Work instruction: Copy exactly the lines of the material below that run from the one containing "site_placement = place(None, origin())" through the one containing "building_placement = place(site_placement, origin())". Copy no other lines.

Data shown:

⁂

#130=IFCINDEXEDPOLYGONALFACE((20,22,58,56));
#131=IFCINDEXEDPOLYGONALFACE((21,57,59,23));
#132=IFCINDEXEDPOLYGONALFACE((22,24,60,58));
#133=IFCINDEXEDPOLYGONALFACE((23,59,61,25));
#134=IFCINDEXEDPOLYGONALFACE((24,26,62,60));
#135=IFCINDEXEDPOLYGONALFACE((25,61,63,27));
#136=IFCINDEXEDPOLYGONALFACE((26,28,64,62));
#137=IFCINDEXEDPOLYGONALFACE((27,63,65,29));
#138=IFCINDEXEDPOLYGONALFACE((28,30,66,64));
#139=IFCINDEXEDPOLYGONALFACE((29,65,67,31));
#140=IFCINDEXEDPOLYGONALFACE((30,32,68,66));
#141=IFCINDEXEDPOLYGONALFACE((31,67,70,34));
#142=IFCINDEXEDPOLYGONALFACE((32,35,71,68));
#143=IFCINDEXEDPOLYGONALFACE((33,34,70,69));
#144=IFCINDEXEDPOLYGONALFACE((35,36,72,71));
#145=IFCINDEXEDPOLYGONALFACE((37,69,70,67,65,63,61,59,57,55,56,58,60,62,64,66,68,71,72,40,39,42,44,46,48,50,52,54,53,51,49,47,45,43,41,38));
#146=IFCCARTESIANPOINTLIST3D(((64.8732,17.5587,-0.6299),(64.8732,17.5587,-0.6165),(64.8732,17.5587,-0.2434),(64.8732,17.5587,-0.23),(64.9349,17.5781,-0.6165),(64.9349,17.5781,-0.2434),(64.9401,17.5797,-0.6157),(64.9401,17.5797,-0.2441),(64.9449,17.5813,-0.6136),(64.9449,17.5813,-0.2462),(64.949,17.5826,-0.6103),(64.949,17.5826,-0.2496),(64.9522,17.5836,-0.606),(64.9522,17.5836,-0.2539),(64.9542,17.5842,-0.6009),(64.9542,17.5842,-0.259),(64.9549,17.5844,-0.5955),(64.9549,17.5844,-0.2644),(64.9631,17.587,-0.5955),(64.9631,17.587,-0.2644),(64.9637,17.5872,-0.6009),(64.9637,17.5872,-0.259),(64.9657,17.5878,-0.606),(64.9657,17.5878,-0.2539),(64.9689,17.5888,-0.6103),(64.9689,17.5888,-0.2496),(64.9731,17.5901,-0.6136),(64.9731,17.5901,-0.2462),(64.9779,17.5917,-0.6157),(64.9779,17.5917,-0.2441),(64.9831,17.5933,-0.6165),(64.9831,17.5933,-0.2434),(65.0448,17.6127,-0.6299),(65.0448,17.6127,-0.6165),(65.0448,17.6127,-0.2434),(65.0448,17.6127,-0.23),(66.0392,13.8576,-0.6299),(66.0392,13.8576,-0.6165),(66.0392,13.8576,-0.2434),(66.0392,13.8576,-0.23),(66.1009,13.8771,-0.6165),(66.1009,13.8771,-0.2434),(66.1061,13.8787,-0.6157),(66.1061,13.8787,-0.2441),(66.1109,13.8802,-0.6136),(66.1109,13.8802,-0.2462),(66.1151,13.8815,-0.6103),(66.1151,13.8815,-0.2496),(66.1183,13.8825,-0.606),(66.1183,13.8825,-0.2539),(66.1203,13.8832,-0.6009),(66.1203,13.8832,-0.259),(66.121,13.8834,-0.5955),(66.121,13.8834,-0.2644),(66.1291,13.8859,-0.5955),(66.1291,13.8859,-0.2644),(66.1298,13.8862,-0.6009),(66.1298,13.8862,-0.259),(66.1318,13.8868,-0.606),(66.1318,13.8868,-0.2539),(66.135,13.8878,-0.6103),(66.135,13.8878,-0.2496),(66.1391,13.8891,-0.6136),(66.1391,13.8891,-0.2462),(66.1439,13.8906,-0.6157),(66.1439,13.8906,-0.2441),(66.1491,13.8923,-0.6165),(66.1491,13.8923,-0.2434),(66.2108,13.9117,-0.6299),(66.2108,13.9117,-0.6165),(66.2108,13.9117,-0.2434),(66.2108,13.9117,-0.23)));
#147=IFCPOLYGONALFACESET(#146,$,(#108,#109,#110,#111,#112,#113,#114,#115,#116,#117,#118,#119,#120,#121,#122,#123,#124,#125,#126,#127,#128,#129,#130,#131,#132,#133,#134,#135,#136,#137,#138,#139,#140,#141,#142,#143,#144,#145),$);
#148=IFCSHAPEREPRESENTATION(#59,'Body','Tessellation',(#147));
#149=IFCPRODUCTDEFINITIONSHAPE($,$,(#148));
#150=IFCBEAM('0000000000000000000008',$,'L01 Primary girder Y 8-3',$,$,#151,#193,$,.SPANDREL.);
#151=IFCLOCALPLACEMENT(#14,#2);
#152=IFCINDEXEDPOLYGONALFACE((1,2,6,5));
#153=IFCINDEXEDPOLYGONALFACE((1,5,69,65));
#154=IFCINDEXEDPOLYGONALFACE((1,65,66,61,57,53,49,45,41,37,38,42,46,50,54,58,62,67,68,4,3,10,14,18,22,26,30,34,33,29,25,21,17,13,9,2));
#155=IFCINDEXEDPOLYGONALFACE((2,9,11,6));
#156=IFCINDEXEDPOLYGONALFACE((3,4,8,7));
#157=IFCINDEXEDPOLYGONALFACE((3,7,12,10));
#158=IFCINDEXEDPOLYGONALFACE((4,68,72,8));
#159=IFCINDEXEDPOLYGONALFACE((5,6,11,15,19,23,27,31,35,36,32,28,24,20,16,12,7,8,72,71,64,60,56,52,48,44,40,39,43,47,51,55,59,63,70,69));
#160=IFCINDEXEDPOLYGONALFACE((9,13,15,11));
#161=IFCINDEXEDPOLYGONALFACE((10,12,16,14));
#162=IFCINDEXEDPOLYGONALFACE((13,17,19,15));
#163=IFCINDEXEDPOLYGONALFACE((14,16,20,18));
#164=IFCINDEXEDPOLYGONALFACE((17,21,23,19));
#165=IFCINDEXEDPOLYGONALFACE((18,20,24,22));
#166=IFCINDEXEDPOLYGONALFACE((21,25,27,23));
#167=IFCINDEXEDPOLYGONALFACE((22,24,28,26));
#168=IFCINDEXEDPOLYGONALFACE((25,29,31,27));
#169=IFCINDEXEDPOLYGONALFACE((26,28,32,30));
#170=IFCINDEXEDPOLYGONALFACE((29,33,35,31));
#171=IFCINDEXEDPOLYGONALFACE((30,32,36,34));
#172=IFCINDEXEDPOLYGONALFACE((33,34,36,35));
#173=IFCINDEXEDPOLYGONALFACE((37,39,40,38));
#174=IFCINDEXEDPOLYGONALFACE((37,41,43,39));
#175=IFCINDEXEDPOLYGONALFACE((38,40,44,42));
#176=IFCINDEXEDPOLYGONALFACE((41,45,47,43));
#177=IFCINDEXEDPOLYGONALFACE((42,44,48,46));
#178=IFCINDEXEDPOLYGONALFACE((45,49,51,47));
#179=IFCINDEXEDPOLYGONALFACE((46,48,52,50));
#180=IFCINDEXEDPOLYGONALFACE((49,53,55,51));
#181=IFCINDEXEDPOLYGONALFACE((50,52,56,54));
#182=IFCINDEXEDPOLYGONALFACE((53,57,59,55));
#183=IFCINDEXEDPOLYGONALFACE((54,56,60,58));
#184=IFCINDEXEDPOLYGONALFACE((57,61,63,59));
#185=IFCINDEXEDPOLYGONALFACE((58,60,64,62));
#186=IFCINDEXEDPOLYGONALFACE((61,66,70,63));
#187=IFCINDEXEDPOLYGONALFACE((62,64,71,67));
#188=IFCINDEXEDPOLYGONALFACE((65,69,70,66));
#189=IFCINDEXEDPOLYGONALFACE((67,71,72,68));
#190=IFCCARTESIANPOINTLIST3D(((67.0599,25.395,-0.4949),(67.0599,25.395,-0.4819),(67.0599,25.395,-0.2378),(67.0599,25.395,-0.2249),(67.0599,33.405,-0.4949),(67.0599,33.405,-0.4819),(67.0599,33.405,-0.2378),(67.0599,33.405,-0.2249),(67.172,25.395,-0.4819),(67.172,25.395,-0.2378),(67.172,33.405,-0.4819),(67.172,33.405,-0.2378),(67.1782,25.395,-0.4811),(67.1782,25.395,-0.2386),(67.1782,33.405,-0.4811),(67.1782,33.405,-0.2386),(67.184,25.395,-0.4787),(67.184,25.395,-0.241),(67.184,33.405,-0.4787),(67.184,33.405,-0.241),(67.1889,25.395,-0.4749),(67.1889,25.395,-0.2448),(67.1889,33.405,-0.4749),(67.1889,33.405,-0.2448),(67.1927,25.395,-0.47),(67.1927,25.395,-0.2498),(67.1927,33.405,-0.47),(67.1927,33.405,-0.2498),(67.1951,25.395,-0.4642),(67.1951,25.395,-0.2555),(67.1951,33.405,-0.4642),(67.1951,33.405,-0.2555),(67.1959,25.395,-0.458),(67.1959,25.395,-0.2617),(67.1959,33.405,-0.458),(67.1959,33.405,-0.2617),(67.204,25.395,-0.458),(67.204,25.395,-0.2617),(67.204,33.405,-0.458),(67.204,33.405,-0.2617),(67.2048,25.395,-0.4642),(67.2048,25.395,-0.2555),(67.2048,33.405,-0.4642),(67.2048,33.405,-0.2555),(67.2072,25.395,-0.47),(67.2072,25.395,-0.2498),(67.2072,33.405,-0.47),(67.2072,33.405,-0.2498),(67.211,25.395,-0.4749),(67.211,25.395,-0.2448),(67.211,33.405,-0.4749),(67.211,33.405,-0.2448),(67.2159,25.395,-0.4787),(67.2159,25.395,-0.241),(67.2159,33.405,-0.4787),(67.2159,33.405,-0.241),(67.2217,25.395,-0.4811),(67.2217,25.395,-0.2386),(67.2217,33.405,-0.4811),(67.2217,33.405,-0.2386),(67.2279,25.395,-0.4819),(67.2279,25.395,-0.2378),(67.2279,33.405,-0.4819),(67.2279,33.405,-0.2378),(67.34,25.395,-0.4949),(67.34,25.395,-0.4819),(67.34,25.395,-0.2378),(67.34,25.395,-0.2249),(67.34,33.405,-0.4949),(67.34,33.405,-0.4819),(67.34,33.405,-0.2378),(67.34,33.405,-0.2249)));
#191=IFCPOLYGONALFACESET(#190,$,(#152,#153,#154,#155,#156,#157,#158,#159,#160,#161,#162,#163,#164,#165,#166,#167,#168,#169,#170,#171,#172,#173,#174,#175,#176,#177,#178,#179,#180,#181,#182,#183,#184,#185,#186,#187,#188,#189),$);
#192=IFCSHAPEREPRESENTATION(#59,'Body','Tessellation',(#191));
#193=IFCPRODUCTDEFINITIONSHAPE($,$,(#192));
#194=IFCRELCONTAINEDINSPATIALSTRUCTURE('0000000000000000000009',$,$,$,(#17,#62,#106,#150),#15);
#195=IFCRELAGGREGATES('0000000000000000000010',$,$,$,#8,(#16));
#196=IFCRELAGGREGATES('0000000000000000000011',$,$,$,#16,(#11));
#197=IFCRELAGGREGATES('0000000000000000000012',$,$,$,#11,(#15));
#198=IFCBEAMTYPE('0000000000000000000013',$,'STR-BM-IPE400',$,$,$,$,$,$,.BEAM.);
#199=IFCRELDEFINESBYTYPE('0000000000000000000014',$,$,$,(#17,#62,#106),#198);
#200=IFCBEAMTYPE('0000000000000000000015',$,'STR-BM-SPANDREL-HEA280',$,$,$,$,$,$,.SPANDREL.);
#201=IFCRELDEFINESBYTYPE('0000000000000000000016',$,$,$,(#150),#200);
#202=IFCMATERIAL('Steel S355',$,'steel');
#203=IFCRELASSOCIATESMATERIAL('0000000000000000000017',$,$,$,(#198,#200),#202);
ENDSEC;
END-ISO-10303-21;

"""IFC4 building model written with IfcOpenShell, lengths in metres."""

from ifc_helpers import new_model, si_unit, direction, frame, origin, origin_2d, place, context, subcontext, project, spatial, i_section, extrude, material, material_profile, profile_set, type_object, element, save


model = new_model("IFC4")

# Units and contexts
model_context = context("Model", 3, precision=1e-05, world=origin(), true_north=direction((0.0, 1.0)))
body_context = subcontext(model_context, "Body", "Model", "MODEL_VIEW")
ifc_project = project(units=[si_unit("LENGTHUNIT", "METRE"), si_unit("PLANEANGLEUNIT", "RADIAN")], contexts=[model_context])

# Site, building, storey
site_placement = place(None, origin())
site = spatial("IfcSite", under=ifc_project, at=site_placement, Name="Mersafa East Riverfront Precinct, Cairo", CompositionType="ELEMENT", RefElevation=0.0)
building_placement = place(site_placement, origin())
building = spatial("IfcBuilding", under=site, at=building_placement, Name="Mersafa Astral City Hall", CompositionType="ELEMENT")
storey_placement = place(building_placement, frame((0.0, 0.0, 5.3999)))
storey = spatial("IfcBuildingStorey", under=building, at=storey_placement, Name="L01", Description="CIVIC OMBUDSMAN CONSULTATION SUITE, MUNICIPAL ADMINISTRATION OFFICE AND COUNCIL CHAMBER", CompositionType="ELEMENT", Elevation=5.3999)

⁂

Solution:
site_placement = place(None, origin())
site = spatial("IfcSite", under=ifc_project, at=site_placement, Name="Mersafa East Riverfront Precinct, Cairo", CompositionType="ELEMENT", RefElevation=0.0)
building_placement = place(site_placement, origin())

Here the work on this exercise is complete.